[Records from a data collection]
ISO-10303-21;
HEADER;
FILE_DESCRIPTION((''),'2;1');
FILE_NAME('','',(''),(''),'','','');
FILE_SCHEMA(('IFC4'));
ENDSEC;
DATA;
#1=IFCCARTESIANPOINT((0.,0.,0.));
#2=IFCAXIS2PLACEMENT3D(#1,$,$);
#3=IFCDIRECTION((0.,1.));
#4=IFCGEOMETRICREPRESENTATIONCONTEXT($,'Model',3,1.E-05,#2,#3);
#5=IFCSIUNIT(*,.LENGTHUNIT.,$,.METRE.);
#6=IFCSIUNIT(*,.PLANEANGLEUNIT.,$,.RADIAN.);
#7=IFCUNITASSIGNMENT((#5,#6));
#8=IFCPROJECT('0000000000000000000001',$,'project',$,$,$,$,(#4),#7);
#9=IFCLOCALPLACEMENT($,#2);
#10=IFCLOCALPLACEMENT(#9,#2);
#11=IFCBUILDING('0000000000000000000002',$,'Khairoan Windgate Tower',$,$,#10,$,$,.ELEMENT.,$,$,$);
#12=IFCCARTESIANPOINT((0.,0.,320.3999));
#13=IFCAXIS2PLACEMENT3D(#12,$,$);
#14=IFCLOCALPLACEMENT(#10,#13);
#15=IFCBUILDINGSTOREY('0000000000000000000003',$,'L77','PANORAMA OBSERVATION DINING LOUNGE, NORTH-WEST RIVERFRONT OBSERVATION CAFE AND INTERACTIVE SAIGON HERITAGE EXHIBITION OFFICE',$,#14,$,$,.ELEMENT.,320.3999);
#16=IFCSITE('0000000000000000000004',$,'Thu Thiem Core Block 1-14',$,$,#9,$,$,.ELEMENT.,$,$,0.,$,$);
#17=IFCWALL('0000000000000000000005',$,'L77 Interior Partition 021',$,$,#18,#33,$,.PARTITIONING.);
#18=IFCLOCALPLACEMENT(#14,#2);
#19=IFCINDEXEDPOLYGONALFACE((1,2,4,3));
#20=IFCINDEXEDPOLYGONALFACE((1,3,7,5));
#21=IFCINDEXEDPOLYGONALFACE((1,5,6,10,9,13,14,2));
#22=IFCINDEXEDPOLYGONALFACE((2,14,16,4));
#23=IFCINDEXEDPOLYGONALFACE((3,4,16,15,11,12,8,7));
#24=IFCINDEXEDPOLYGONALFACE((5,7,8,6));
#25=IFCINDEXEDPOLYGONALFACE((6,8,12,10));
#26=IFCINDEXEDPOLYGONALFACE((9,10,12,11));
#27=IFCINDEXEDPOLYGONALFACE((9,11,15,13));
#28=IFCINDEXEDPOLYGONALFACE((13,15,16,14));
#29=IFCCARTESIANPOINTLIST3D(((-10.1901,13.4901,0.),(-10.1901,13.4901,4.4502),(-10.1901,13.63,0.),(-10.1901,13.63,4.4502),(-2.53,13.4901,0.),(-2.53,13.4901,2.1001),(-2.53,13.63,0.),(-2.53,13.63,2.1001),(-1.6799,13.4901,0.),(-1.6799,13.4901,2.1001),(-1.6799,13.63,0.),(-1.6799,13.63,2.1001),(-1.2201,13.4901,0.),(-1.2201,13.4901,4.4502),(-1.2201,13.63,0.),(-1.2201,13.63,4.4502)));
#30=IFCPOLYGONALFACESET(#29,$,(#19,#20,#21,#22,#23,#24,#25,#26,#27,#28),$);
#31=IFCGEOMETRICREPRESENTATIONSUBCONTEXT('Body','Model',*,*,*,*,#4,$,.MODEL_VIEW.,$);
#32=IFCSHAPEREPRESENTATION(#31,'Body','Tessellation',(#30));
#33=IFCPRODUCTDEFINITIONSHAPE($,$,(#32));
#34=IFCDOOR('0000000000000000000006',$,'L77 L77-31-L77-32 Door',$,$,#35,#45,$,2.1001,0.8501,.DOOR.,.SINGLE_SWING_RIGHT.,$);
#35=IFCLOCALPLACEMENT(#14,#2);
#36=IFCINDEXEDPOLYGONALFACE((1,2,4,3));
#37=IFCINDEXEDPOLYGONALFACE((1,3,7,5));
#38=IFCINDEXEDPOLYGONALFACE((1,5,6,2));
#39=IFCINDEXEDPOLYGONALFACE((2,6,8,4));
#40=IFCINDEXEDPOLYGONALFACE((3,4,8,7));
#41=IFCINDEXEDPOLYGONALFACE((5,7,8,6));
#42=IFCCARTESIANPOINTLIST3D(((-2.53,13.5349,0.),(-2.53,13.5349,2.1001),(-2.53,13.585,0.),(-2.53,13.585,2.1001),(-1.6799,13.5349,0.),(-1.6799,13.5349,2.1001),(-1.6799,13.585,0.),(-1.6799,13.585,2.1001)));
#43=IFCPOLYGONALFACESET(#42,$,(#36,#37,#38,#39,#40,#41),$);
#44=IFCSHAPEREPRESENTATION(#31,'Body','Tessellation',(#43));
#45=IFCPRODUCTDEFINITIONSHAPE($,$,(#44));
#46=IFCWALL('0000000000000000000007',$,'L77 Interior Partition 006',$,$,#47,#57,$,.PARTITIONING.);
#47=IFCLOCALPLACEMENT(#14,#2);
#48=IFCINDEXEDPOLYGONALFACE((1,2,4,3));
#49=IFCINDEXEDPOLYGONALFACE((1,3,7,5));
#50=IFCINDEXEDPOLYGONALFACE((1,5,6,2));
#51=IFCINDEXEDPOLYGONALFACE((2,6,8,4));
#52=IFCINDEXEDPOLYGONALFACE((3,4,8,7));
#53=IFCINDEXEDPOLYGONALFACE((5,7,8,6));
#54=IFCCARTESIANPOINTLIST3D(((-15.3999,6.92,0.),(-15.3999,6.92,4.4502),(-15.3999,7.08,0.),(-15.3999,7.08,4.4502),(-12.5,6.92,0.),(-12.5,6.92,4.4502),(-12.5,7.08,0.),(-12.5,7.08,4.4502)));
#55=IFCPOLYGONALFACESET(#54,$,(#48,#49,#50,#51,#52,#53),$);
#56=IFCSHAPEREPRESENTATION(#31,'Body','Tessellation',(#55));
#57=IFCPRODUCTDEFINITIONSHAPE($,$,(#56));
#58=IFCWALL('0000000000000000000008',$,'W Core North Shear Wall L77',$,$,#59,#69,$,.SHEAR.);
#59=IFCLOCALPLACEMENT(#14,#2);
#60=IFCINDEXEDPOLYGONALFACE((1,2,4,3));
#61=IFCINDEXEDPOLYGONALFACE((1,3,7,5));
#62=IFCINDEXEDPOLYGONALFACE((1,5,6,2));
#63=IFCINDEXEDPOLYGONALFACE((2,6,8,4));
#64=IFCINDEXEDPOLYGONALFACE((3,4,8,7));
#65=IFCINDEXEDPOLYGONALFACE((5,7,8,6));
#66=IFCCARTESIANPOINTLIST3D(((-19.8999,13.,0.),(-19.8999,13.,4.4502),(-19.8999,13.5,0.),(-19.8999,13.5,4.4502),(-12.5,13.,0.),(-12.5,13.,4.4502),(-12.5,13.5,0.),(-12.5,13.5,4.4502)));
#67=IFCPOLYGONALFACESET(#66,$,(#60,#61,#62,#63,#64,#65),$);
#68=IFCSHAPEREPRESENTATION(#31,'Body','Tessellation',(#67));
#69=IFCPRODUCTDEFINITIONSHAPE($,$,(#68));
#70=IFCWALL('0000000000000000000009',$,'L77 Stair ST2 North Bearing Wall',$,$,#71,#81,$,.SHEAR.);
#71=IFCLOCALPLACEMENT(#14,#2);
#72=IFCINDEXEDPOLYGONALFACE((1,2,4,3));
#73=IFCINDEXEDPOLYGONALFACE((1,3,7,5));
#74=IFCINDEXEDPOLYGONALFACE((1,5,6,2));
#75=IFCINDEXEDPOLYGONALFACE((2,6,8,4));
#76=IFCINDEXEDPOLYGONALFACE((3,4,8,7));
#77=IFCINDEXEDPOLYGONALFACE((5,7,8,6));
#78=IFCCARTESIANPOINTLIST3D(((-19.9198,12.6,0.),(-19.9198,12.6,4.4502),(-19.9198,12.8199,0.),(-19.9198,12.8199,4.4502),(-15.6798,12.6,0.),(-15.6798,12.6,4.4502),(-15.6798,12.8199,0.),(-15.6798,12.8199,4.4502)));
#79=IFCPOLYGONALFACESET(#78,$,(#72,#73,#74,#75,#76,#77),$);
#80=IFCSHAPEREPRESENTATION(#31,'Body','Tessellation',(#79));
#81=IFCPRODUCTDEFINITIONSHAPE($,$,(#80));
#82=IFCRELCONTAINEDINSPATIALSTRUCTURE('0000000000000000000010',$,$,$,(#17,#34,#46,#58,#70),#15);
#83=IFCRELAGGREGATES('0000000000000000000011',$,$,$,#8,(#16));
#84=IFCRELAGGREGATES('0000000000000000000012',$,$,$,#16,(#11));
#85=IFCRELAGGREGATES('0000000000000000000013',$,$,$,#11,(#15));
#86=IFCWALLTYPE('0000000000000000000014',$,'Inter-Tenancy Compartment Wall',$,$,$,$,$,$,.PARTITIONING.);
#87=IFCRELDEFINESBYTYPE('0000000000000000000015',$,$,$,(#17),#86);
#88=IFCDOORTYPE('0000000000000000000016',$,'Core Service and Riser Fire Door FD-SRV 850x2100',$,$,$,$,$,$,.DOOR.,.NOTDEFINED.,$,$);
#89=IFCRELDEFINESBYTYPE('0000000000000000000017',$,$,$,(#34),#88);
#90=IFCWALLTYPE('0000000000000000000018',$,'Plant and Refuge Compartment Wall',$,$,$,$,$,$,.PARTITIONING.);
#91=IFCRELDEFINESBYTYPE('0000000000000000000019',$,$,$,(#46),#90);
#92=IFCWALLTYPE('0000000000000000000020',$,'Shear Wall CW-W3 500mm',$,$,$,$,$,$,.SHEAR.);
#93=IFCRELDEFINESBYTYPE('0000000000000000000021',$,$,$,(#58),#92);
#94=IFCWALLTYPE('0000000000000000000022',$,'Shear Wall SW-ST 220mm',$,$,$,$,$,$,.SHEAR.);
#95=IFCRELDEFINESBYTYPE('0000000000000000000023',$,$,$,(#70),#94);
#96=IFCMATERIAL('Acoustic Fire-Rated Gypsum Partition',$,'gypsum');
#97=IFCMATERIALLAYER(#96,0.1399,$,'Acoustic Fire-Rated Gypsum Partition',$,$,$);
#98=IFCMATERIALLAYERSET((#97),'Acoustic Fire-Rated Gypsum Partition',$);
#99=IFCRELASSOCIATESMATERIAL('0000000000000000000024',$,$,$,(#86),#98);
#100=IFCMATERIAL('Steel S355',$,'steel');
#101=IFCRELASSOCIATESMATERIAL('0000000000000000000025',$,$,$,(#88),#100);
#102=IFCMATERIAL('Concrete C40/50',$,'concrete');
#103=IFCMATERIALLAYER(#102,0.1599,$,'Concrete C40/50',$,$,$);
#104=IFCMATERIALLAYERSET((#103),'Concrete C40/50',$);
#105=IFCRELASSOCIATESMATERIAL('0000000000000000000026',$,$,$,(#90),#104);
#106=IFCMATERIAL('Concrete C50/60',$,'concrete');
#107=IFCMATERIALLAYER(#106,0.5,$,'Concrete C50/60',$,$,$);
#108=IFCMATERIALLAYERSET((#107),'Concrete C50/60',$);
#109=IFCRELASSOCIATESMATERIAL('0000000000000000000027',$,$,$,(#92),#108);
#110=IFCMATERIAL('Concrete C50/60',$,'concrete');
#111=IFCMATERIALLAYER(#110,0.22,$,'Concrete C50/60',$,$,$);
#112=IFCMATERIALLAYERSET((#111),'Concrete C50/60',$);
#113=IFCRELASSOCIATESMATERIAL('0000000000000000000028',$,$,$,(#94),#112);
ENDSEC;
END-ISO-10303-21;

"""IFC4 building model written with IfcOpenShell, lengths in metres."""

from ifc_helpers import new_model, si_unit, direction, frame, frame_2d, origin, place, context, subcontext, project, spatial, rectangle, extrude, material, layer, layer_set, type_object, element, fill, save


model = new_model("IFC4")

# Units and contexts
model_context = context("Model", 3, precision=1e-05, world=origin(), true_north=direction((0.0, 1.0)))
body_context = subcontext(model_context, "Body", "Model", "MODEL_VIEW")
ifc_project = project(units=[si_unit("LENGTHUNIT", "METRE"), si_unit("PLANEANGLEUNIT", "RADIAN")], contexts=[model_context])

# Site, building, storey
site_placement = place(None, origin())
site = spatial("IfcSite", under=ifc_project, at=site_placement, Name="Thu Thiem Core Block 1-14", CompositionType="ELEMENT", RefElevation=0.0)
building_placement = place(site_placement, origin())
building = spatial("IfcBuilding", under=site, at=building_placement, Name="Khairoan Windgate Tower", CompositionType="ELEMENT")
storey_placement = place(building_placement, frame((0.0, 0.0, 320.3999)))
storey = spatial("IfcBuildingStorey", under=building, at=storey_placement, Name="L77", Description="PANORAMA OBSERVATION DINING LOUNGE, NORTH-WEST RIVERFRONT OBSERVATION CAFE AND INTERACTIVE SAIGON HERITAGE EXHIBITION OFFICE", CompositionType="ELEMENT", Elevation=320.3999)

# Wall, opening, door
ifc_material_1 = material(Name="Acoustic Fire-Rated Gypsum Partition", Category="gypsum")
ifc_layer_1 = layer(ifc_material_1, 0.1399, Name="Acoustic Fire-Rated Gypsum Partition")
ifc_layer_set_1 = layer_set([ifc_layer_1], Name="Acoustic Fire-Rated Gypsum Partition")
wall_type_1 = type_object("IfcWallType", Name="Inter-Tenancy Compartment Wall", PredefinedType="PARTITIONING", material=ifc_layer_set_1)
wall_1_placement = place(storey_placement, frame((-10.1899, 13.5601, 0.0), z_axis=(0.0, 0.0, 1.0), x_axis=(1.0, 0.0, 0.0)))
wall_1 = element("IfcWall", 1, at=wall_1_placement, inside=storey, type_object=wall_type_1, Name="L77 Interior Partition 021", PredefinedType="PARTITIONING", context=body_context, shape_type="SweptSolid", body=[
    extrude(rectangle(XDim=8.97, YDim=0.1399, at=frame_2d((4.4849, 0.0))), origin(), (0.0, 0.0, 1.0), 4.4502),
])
...
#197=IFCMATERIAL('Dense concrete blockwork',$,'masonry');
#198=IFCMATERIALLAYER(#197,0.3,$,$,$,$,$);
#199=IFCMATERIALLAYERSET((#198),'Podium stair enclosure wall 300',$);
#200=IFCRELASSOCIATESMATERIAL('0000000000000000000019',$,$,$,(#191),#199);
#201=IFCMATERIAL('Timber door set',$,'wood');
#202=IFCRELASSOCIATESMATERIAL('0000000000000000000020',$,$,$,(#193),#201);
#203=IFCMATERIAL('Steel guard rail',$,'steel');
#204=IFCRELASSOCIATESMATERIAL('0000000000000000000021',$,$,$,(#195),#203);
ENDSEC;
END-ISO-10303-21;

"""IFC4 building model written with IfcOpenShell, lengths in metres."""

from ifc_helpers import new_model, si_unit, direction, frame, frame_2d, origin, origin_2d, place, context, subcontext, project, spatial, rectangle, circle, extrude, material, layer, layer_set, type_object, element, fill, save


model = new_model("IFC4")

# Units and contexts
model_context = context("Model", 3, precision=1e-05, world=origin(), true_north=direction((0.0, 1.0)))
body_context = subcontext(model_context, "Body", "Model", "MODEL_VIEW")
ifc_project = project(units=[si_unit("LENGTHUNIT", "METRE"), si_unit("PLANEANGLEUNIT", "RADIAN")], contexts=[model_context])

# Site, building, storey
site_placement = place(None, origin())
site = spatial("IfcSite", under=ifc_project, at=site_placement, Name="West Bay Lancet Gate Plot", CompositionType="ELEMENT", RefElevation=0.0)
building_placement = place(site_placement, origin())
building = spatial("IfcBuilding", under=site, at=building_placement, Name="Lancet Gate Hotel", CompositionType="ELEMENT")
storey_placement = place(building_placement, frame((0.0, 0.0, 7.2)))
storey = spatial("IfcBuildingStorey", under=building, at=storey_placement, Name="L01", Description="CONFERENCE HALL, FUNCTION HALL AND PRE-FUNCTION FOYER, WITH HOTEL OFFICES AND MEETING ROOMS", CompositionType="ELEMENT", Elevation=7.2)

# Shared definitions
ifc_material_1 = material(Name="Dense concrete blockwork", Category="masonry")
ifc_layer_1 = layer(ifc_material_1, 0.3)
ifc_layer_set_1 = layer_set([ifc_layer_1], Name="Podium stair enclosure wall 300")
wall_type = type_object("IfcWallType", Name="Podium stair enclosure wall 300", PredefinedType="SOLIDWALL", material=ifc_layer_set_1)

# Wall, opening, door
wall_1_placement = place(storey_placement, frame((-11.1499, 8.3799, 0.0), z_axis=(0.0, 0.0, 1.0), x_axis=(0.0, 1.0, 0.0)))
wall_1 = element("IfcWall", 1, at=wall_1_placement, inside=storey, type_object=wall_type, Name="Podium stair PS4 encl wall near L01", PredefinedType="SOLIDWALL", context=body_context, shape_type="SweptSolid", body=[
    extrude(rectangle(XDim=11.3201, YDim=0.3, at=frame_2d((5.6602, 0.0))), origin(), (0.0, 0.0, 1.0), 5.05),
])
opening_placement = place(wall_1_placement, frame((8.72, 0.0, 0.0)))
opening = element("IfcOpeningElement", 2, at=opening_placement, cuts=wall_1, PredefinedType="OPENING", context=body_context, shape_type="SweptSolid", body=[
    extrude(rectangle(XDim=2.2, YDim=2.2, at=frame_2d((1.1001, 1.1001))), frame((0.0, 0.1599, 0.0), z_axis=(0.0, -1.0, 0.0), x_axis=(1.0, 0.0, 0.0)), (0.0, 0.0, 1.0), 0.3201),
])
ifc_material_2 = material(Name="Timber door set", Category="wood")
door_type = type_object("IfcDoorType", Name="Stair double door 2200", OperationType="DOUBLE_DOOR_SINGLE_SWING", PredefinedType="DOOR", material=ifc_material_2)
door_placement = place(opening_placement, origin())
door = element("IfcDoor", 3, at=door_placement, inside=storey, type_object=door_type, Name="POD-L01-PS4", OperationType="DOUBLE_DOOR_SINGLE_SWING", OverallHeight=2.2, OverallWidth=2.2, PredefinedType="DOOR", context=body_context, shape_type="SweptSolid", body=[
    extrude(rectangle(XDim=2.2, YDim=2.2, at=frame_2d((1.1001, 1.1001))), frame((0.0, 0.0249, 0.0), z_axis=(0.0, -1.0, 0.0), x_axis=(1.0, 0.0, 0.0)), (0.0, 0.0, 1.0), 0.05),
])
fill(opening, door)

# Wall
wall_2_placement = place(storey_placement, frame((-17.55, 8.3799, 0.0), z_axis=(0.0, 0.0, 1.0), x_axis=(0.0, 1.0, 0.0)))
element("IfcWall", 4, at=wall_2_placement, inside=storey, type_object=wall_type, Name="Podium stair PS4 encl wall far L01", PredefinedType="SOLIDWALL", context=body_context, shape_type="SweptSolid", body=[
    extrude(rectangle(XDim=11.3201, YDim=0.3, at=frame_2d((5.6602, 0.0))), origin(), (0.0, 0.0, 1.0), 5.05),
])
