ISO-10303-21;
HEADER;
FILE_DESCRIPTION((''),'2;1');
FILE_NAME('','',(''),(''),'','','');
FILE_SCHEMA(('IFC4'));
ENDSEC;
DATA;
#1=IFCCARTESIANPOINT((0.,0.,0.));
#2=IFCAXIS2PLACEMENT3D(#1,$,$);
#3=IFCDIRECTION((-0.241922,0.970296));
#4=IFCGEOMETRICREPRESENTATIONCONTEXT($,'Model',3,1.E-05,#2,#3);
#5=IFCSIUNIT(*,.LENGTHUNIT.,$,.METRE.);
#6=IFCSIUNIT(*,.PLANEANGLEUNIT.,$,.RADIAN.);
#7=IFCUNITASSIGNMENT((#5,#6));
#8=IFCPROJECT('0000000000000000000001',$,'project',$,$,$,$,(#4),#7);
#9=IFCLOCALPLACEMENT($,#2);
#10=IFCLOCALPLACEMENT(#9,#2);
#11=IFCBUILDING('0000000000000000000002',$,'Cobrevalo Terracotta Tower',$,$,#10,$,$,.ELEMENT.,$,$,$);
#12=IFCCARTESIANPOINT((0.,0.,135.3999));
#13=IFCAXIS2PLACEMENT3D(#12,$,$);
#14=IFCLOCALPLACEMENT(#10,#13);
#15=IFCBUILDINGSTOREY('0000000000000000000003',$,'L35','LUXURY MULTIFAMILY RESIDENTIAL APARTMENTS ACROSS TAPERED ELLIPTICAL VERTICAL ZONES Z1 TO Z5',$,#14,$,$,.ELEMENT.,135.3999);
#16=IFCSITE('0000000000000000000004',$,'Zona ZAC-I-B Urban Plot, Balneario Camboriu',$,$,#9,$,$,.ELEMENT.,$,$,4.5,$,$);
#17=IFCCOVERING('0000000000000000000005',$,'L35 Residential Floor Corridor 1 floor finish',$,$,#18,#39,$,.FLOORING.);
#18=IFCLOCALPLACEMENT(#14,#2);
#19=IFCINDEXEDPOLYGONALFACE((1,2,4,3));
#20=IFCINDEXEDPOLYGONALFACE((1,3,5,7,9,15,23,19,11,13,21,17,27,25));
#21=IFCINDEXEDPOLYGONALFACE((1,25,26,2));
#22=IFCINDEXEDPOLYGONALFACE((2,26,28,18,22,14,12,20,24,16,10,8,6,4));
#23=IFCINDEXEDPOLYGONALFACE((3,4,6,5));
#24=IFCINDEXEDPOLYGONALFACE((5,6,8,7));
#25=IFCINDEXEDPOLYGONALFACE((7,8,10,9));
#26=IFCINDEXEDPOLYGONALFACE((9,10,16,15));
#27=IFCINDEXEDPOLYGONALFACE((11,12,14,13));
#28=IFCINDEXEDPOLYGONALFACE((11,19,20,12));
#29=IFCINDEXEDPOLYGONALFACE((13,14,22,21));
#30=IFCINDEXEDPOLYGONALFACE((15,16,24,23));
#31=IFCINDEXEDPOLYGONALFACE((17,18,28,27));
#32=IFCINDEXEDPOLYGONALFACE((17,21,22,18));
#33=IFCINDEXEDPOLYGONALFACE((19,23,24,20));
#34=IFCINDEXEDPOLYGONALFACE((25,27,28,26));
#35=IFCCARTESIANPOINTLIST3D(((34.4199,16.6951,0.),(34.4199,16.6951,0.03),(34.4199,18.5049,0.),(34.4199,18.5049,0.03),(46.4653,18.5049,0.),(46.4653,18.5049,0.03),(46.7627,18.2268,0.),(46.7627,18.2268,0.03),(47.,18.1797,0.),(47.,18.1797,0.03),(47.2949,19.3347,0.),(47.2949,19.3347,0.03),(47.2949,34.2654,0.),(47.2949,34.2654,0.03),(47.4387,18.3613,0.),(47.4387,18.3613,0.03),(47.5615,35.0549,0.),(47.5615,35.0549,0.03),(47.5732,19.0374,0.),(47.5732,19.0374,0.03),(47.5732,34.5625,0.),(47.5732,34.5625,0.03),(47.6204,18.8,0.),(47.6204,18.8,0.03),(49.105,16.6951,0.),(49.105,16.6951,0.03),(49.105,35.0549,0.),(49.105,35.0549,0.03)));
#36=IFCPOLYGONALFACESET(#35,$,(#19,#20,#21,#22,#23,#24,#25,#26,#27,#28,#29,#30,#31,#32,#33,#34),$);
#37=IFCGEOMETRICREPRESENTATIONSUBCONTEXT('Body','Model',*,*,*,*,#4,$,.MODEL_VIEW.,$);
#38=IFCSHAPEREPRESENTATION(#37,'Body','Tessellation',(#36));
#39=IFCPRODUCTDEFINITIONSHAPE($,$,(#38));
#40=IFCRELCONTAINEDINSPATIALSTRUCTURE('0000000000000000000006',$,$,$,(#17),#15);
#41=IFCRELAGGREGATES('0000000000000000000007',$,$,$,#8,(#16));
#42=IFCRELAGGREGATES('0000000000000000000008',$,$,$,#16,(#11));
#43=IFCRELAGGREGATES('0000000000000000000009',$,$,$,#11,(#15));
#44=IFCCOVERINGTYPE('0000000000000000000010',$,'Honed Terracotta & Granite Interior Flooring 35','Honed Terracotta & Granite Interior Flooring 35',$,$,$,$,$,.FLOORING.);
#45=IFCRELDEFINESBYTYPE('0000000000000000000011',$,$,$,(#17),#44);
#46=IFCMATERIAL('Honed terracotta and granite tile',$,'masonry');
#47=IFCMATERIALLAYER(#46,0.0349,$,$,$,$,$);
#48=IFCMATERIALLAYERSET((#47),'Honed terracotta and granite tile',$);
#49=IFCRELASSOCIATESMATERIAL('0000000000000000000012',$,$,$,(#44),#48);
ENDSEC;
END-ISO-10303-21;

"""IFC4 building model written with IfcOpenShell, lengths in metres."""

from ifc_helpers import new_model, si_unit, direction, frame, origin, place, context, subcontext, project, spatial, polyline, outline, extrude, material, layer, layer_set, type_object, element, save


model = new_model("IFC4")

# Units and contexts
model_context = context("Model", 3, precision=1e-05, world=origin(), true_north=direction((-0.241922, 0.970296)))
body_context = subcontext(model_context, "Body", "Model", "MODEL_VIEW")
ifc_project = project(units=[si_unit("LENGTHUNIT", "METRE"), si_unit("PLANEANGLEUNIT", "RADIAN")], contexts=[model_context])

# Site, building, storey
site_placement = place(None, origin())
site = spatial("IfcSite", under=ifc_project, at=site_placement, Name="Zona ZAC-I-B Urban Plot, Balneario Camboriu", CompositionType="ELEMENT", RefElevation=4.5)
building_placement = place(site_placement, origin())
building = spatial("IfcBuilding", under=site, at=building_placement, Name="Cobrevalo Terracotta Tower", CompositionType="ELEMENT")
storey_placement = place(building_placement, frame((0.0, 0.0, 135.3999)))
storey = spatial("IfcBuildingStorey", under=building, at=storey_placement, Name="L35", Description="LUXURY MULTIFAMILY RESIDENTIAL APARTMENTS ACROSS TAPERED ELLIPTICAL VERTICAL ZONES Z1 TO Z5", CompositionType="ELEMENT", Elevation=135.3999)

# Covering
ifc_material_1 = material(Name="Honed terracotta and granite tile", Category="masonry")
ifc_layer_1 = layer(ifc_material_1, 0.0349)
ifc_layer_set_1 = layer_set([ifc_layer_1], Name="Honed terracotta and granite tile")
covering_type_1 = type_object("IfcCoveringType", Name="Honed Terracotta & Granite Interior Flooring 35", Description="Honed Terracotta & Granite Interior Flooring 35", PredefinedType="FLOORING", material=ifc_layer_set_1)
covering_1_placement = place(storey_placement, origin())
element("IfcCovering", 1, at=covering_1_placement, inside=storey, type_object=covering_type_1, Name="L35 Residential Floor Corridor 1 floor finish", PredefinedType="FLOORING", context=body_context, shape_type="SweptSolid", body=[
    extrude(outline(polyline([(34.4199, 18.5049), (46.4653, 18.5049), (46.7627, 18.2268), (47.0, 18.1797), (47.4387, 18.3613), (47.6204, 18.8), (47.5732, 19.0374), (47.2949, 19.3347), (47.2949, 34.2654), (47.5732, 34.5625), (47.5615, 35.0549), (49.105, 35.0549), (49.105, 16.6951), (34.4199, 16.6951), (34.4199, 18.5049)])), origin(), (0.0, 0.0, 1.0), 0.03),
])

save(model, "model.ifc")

*EXERCISE DESCRIPTION*.
From the entries, report every line in which the string "Tessellation" occurs.

*EXPECTED ANSWER*.
#32=IFCSHAPEREPRESENTATION(#31,'Body','Tessellation',(#30));
#44=IFCSHAPEREPRESENTATION(#31,'Body','Tessellation',(#43));
#56=IFCSHAPEREPRESENTATION(#31,'Body','Tessellation',(#55));
#68=IFCSHAPEREPRESENTATION(#31,'Body','Tessellation',(#67));
#80=IFCSHAPEREPRESENTATION(#31,'Body','Tessellation',(#79));
#38=IFCSHAPEREPRESENTATION(#37,'Body','Tessellation',(#36));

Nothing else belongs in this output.